* WORK INSTRUCTION:
Go to the line below containing "#12=IFCCARTESIANPOINT((0.,0.,5.28));" and print exactly from there through the line containing "#28=IFCINDEXEDPOLYGONALFACE((13,15,16,14));", both included. Print nothing else.
═════ THE DATA
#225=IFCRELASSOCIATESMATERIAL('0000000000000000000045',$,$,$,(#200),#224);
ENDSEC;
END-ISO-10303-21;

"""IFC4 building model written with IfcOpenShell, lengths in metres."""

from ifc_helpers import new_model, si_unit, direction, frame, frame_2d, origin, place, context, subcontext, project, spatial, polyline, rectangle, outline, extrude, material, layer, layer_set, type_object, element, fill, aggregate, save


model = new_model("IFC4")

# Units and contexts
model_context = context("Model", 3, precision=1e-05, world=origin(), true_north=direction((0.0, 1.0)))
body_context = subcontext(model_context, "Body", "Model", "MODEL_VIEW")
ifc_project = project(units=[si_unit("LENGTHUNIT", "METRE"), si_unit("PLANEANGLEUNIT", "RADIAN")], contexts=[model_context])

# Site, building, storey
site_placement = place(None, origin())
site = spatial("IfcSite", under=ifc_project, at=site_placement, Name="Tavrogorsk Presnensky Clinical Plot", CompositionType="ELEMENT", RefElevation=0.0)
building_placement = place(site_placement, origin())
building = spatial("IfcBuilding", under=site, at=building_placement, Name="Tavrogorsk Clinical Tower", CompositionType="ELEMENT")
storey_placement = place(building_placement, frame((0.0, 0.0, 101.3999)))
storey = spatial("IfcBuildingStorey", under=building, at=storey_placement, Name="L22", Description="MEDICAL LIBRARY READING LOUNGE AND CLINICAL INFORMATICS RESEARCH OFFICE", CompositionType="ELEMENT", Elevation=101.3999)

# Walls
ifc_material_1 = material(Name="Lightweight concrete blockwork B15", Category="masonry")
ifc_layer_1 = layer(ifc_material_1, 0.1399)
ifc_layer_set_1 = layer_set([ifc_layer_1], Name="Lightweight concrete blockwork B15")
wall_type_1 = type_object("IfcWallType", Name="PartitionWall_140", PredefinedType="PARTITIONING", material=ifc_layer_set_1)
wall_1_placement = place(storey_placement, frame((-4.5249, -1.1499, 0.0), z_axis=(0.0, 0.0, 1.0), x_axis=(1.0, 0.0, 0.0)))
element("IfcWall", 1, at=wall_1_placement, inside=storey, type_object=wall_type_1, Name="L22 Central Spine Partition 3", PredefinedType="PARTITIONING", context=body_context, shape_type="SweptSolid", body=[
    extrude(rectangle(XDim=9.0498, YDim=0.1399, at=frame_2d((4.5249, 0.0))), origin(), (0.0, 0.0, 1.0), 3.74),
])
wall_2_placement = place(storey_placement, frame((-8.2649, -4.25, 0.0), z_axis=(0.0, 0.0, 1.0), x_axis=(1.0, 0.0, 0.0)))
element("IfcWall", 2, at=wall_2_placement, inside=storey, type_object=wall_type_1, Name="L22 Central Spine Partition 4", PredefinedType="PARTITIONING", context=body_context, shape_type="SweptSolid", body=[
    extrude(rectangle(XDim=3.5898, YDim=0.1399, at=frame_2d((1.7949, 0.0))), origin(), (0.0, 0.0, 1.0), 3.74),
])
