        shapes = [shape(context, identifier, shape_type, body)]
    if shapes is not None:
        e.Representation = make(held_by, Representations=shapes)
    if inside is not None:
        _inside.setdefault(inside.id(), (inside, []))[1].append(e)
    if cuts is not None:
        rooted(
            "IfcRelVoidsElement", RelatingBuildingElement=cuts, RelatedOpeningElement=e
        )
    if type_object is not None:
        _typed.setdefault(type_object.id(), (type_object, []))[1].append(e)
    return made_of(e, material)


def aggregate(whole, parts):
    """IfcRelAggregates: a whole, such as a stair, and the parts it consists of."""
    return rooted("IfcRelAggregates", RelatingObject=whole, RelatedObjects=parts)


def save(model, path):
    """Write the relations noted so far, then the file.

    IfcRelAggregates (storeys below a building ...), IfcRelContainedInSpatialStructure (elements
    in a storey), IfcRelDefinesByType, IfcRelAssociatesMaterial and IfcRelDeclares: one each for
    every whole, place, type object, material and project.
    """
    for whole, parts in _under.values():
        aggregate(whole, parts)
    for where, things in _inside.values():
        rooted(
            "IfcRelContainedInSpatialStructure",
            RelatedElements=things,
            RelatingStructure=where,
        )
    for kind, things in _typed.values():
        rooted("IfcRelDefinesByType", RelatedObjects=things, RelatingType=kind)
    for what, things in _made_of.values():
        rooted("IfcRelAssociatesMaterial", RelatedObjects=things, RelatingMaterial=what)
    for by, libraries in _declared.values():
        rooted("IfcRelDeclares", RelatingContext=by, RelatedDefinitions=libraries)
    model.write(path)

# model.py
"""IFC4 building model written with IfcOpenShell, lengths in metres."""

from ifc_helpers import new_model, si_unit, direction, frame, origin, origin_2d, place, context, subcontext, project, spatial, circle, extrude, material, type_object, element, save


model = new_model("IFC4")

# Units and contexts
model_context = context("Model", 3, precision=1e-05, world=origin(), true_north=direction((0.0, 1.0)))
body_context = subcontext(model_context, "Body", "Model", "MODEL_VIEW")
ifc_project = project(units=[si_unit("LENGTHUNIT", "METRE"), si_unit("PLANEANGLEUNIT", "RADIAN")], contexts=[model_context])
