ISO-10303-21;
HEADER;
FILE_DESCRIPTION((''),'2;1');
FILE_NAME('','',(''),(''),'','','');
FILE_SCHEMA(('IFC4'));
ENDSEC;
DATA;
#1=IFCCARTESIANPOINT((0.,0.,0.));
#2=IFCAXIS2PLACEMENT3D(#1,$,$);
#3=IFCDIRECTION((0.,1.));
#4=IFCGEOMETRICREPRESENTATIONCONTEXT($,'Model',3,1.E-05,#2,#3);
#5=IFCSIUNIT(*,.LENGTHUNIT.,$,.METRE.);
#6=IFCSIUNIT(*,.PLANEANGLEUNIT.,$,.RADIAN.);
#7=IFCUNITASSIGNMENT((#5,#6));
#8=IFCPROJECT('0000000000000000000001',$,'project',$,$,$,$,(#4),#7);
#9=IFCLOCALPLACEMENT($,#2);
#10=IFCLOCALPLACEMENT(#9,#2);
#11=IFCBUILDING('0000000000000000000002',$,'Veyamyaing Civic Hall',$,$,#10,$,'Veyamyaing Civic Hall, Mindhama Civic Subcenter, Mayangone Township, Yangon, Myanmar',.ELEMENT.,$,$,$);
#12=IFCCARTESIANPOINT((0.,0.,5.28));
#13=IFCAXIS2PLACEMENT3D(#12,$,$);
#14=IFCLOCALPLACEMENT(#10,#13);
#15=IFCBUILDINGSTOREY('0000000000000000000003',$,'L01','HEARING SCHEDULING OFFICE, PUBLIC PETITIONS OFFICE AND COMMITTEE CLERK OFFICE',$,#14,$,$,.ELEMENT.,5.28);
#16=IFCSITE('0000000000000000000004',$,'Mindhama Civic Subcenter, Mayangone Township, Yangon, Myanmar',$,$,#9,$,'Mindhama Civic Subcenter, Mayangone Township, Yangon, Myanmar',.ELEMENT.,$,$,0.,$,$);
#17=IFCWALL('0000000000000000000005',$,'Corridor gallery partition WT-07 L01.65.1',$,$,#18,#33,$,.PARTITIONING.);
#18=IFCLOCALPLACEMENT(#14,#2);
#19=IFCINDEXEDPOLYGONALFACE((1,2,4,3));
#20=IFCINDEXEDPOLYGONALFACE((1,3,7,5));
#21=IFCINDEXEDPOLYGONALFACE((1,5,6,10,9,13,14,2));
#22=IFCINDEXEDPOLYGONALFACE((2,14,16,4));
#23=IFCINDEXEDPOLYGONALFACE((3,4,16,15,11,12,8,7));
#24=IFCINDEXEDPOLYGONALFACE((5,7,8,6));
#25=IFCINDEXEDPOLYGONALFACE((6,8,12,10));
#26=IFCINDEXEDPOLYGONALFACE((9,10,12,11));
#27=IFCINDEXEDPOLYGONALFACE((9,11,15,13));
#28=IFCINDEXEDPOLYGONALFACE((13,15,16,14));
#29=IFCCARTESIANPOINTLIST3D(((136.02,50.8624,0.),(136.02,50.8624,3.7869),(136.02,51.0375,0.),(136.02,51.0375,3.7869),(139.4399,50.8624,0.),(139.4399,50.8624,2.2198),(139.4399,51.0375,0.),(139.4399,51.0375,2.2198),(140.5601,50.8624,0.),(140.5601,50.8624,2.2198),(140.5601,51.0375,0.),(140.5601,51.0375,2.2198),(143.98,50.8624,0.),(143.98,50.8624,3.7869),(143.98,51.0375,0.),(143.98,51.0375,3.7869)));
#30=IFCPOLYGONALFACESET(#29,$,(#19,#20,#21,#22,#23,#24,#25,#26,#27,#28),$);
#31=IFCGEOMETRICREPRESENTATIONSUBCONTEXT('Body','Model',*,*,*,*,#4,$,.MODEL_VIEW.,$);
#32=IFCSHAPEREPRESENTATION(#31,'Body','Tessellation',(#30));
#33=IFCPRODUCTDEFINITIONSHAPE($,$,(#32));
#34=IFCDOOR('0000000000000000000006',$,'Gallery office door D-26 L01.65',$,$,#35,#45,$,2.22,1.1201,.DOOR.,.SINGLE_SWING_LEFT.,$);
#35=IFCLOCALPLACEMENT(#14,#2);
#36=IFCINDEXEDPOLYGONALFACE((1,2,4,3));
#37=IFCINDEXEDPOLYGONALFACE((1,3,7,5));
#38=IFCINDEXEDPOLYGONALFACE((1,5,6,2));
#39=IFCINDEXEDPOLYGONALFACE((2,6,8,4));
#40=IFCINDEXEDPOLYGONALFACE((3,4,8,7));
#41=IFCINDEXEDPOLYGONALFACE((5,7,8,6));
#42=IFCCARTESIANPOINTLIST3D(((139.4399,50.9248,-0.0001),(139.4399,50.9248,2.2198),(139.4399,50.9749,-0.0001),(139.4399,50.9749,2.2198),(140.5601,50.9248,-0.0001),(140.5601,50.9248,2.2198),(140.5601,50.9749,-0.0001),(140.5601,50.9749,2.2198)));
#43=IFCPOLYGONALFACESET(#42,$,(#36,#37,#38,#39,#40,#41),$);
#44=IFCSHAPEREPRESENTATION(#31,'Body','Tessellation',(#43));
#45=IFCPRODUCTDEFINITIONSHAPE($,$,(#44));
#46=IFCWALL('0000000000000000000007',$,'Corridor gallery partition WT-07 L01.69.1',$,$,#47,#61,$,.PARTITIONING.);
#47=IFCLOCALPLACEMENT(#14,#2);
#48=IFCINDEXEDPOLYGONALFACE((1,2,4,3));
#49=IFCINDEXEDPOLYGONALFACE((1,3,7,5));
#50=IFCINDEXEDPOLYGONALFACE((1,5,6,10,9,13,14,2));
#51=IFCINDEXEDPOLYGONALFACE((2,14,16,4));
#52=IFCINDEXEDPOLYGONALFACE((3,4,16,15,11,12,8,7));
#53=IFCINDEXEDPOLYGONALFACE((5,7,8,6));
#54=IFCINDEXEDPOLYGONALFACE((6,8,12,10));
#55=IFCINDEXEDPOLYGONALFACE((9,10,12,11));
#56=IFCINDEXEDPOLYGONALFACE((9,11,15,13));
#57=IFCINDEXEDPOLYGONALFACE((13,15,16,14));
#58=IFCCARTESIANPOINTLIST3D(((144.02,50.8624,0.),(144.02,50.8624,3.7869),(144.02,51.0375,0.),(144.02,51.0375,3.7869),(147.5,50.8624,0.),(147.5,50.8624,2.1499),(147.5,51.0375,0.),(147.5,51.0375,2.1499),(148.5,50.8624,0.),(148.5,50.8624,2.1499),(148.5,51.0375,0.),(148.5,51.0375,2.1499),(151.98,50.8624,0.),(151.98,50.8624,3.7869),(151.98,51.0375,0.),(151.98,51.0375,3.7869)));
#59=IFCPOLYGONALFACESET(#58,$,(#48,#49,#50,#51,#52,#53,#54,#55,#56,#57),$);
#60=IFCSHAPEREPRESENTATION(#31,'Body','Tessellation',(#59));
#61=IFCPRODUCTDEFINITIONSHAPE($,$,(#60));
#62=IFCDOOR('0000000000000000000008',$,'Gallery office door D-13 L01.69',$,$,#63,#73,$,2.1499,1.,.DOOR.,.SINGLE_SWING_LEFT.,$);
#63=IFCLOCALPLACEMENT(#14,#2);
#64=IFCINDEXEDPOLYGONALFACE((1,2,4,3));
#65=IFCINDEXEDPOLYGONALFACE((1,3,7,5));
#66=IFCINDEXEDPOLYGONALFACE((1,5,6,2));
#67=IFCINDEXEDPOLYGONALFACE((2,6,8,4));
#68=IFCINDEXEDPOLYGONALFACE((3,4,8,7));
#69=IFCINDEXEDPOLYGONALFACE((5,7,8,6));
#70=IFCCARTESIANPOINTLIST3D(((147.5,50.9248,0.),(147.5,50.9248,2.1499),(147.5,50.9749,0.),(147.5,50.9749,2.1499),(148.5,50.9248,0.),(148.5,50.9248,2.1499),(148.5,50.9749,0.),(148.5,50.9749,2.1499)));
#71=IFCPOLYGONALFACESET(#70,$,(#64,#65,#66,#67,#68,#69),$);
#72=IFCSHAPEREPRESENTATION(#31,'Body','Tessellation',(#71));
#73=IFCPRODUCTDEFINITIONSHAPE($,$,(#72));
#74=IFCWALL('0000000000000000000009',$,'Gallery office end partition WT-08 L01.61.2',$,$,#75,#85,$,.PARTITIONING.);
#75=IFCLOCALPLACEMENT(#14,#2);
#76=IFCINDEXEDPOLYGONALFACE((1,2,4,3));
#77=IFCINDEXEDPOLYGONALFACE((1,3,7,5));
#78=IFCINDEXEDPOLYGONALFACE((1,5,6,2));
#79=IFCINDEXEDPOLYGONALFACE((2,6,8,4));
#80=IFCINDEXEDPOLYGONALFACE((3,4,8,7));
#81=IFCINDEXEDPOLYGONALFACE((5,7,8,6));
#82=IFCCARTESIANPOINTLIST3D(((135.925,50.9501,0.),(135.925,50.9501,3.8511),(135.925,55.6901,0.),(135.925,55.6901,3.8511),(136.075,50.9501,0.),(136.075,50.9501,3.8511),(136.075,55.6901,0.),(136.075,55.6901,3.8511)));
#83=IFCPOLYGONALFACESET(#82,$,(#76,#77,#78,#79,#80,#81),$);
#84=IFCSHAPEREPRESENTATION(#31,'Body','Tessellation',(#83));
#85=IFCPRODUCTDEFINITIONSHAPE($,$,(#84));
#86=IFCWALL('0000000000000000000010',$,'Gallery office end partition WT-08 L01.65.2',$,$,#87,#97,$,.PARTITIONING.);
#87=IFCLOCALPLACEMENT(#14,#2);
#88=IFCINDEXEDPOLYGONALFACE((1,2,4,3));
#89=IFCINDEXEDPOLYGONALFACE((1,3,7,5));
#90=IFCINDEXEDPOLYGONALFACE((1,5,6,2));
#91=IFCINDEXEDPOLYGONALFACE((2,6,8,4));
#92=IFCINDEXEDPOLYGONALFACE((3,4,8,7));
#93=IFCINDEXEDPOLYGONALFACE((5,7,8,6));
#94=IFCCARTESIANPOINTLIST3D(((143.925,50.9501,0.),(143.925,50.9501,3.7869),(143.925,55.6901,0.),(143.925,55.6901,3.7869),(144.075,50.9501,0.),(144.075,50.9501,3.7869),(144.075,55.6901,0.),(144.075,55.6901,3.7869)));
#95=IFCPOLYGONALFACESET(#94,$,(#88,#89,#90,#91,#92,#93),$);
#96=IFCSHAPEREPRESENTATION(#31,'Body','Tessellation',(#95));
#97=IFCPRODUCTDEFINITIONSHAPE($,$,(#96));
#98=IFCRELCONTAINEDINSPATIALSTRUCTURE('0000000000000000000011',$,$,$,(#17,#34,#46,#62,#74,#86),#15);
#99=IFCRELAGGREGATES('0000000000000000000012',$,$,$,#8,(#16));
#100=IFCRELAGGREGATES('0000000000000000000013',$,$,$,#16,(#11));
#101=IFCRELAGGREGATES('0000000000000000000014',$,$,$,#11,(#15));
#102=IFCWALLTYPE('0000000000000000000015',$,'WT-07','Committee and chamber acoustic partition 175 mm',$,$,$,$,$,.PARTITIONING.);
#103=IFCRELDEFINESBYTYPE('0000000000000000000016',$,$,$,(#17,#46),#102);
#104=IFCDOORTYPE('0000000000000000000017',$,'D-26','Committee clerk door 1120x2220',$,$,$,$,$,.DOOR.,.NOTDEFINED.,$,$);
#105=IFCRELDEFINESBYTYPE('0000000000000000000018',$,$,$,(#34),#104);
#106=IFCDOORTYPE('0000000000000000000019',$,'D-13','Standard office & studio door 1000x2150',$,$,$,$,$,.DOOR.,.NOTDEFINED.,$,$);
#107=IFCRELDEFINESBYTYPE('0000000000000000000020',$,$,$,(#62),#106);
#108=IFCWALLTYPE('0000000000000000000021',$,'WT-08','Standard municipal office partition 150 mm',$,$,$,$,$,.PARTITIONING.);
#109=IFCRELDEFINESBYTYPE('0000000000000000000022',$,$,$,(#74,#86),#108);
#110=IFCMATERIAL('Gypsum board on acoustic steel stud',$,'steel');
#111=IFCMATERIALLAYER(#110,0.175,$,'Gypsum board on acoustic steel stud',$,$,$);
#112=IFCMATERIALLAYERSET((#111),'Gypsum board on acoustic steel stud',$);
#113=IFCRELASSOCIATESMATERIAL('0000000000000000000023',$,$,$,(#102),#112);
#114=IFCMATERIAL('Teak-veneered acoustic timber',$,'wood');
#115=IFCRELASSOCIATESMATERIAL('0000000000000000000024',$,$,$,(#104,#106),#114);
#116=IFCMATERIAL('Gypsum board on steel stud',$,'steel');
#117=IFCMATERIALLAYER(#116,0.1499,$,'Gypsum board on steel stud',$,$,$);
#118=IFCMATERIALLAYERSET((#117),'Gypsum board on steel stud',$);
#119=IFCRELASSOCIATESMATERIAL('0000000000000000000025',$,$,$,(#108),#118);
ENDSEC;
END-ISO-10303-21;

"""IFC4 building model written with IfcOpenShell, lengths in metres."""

from ifc_helpers import new_model, si_unit, direction, frame, frame_2d, origin, place, context, subcontext, project, spatial, rectangle, extrude, material, layer, layer_set, type_object, element, fill, save


model = new_model("IFC4")

# Units and contexts
model_context = context("Model", 3, precision=1e-05, world=origin(), true_north=direction((0.0, 1.0)))
body_context = subcontext(model_context, "Body", "Model", "MODEL_VIEW")
ifc_project = project(units=[si_unit("LENGTHUNIT", "METRE"), si_unit("PLANEANGLEUNIT", "RADIAN")], contexts=[model_context])

# Site, building, storey
site_placement = place(None, origin())
site = spatial("IfcSite", under=ifc_project, at=site_placement, Name="Mindhama Civic Subcenter, Mayangone Township, Yangon, Myanmar", LongName="Mindhama Civic Subcenter, Mayangone Township, Yangon, Myanmar", CompositionType="ELEMENT", RefElevation=0.0)
building_placement = place(site_placement, origin())
building = spatial("IfcBuilding", under=site, at=building_placement, Name="Veyamyaing Civic Hall", LongName="Veyamyaing Civic Hall, Mindhama Civic Subcenter, Mayangone Township, Yangon, Myanmar", CompositionType="ELEMENT")
storey_placement = place(building_placement, frame((0.0, 0.0, 5.28)))
storey = spatial("IfcBuildingStorey", under=building, at=storey_placement, Name="L01", Description="HEARING SCHEDULING OFFICE, PUBLIC PETITIONS OFFICE AND COMMITTEE CLERK OFFICE", CompositionType="ELEMENT", Elevation=5.28)

# Walls, openings, doors
ifc_material_1 = material(Name="Gypsum board on acoustic steel stud", Category="steel")
ifc_layer_1 = layer(ifc_material_1, 0.175, Name="Gypsum board on acoustic steel stud")
ifc_layer_set_1 = layer_set([ifc_layer_1], Name="Gypsum board on acoustic steel stud")
wall_type_1 = type_object("IfcWallType", Name="WT-07", Description="Committee and chamber acoustic partition 175 mm", PredefinedType="PARTITIONING", material=ifc_layer_set_1)
wall_1_placement = place(storey_placement, frame((136.02, 50.95, 0.0), z_axis=(0.0, 0.0, 1.0), x_axis=(1.0, 0.0, 0.0)))
wall_1 = element("IfcWall", 1, at=wall_1_placement, inside=storey, type_object=wall_type_1, Name="Corridor gallery partition WT-07 L01.65.1", PredefinedType="PARTITIONING", context=body_context, shape_type="SweptSolid", body=[
    extrude(rectangle(XDim=7.96, YDim=0.175, at=frame_2d((3.98, 0.0))), origin(), (0.0, 0.0, 1.0), 3.7869),
])
opening_1_placement = place(wall_1_placement, frame((3.4199, 0.0, 0.0)))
══════════
* ANSWER SECTION:
#12=IFCCARTESIANPOINT((0.,0.,5.28));
#13=IFCAXIS2PLACEMENT3D(#12,$,$);
#14=IFCLOCALPLACEMENT(#10,#13);
#15=IFCBUILDINGSTOREY('0000000000000000000003',$,'L01','HEARING SCHEDULING OFFICE, PUBLIC PETITIONS OFFICE AND COMMITTEE CLERK OFFICE',$,#14,$,$,.ELEMENT.,5.28);
#16=IFCSITE('0000000000000000000004',$,'Mindhama Civic Subcenter, Mayangone Township, Yangon, Myanmar',$,$,#9,$,'Mindhama Civic Subcenter, Mayangone Township, Yangon, Myanmar',.ELEMENT.,$,$,0.,$,$);
#17=IFCWALL('0000000000000000000005',$,'Corridor gallery partition WT-07 L01.65.1',$,$,#18,#33,$,.PARTITIONING.);
#18=IFCLOCALPLACEMENT(#14,#2);
#19=IFCINDEXEDPOLYGONALFACE((1,2,4,3));
#20=IFCINDEXEDPOLYGONALFACE((1,3,7,5));
#21=IFCINDEXEDPOLYGONALFACE((1,5,6,10,9,13,14,2));
#22=IFCINDEXEDPOLYGONALFACE((2,14,16,4));
#23=IFCINDEXEDPOLYGONALFACE((3,4,16,15,11,12,8,7));
#24=IFCINDEXEDPOLYGONALFACE((5,7,8,6));
#25=IFCINDEXEDPOLYGONALFACE((6,8,12,10));
#26=IFCINDEXEDPOLYGONALFACE((9,10,12,11));
#27=IFCINDEXEDPOLYGONALFACE((9,11,15,13));
#28=IFCINDEXEDPOLYGONALFACE((13,15,16,14));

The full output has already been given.